Check every line of the data for the string "STICK" and copy the ones that have it.

Stored items:
################

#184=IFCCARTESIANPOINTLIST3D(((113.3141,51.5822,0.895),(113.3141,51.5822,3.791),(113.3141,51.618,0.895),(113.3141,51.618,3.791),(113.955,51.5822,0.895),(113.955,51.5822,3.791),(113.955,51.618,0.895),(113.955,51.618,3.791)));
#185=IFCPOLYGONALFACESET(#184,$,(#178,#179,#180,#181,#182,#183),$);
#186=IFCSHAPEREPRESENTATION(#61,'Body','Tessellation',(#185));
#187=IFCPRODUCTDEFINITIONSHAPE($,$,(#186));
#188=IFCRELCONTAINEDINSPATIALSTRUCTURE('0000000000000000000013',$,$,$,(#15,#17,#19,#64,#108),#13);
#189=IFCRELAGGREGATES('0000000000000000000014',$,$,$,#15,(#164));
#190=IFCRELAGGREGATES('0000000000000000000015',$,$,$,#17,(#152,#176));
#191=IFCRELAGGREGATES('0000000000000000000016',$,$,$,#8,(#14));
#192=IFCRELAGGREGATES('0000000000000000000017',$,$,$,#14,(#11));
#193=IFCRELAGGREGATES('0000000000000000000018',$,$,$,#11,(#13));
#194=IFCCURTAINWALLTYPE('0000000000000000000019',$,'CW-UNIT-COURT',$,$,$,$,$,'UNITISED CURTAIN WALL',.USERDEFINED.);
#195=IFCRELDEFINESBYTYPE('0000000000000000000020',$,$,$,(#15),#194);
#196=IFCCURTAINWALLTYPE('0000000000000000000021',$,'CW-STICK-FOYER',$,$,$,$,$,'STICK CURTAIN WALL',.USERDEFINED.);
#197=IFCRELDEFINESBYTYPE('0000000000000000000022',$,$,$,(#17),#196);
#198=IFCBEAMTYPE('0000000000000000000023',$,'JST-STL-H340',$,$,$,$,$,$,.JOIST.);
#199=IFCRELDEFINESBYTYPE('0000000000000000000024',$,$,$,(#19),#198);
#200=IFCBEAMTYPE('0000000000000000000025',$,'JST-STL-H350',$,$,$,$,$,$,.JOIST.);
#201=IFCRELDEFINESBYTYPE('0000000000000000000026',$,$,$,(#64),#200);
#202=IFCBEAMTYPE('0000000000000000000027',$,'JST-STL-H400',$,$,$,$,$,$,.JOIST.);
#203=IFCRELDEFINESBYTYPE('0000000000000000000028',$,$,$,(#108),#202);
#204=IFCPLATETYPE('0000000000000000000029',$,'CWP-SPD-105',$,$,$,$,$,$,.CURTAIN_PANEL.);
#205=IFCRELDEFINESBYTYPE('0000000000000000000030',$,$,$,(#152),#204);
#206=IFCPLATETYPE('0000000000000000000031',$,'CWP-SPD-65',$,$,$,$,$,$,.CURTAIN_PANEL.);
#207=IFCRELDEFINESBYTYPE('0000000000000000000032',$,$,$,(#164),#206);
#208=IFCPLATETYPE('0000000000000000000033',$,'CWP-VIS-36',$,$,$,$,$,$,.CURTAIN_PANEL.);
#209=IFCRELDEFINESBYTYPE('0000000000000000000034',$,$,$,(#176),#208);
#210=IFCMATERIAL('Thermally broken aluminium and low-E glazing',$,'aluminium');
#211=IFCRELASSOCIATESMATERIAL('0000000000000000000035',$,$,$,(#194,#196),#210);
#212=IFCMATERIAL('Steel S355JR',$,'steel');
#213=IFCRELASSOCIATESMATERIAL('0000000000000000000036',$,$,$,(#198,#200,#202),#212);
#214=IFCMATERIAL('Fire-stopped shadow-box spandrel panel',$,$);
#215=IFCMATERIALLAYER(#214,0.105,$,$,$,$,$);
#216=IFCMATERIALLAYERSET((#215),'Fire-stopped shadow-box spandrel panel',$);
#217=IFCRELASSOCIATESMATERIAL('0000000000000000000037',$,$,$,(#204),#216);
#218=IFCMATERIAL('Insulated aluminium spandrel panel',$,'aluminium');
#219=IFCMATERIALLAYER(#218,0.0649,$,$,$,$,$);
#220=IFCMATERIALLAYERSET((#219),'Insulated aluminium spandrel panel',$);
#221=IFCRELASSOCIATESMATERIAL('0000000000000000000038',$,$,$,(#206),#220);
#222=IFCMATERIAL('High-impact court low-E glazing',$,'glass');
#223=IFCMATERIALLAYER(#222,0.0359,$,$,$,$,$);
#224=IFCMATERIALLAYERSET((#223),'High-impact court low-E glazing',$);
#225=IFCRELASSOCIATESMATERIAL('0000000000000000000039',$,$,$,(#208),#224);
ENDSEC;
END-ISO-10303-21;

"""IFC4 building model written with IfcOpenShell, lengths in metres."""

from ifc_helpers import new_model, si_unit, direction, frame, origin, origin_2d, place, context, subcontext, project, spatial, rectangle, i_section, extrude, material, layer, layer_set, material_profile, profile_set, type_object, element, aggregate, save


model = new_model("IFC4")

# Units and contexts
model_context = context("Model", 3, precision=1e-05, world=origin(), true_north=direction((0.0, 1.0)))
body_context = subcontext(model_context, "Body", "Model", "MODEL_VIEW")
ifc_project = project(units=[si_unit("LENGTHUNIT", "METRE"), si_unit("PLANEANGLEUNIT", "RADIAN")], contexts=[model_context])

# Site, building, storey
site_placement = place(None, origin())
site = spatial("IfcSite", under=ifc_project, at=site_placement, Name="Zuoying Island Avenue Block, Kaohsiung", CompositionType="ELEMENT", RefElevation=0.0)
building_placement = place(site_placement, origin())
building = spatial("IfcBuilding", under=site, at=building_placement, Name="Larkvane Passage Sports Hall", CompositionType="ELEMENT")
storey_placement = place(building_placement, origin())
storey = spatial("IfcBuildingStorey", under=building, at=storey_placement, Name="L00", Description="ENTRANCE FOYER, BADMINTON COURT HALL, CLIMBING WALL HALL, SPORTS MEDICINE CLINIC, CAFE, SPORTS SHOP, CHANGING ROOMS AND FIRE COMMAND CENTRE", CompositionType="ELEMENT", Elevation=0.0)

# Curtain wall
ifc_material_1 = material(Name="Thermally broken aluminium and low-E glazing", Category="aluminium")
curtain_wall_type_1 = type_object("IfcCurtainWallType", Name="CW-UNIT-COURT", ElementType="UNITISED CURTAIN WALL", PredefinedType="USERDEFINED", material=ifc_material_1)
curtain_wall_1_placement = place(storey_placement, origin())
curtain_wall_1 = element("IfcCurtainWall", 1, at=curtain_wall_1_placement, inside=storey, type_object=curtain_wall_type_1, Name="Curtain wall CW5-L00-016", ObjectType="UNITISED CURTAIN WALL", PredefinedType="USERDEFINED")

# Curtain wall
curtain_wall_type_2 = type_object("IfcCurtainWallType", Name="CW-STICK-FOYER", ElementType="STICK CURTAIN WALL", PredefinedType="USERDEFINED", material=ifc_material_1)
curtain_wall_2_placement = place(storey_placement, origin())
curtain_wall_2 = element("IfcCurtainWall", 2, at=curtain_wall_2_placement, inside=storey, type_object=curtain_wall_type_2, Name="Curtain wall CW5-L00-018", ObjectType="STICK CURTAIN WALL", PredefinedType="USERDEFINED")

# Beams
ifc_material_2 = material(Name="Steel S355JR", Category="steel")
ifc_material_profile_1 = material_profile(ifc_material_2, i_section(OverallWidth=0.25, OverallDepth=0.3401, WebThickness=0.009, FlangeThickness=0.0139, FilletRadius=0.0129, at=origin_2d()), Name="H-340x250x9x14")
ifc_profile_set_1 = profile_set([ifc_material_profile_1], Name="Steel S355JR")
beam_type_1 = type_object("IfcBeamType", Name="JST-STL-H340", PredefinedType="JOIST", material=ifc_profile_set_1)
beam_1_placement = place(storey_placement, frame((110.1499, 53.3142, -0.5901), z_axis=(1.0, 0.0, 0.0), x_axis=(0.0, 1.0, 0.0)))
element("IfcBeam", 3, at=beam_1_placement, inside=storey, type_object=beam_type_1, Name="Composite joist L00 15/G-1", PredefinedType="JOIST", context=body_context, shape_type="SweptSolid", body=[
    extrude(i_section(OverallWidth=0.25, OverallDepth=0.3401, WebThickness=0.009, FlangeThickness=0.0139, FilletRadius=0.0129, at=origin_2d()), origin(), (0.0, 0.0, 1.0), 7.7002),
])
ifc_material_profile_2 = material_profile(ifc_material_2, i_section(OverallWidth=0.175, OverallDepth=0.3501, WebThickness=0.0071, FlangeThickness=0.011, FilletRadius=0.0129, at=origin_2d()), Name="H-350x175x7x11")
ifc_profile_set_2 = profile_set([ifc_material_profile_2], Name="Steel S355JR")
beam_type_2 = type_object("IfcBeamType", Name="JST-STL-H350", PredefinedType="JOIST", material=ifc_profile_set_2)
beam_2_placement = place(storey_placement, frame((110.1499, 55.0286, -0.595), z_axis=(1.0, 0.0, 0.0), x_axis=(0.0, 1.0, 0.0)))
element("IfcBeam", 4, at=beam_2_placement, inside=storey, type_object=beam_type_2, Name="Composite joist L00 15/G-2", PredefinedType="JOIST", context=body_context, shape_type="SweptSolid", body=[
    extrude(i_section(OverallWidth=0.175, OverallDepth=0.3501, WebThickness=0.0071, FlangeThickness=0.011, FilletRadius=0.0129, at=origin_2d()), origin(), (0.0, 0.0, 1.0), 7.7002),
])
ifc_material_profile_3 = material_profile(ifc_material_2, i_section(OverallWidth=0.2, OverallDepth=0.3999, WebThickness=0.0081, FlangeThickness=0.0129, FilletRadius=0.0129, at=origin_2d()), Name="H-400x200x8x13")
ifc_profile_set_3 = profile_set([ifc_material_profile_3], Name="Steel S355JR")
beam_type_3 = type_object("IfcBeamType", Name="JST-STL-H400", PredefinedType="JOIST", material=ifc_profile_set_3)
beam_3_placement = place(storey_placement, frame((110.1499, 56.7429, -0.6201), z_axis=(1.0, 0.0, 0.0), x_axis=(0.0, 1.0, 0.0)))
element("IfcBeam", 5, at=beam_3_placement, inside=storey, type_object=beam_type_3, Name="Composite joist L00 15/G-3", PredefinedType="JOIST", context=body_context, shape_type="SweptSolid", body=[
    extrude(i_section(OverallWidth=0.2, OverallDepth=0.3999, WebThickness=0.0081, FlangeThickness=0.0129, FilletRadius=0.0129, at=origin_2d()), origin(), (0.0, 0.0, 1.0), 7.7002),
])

################

▸ **WORKED SOLUTION**:
#196=IFCCURTAINWALLTYPE('0000000000000000000021',$,'CW-STICK-FOYER',$,$,$,$,$,'STICK CURTAIN WALL',.USERDEFINED.);
curtain_wall_type_2 = type_object("IfcCurtainWallType", Name="CW-STICK-FOYER", ElementType="STICK CURTAIN WALL", PredefinedType="USERDEFINED", material=ifc_material_1)
curtain_wall_2 = element("IfcCurtainWall", 2, at=curtain_wall_2_placement, inside=storey, type_object=curtain_wall_type_2, Name="Curtain wall CW5-L00-018", ObjectType="STICK CURTAIN WALL", PredefinedType="USERDEFINED")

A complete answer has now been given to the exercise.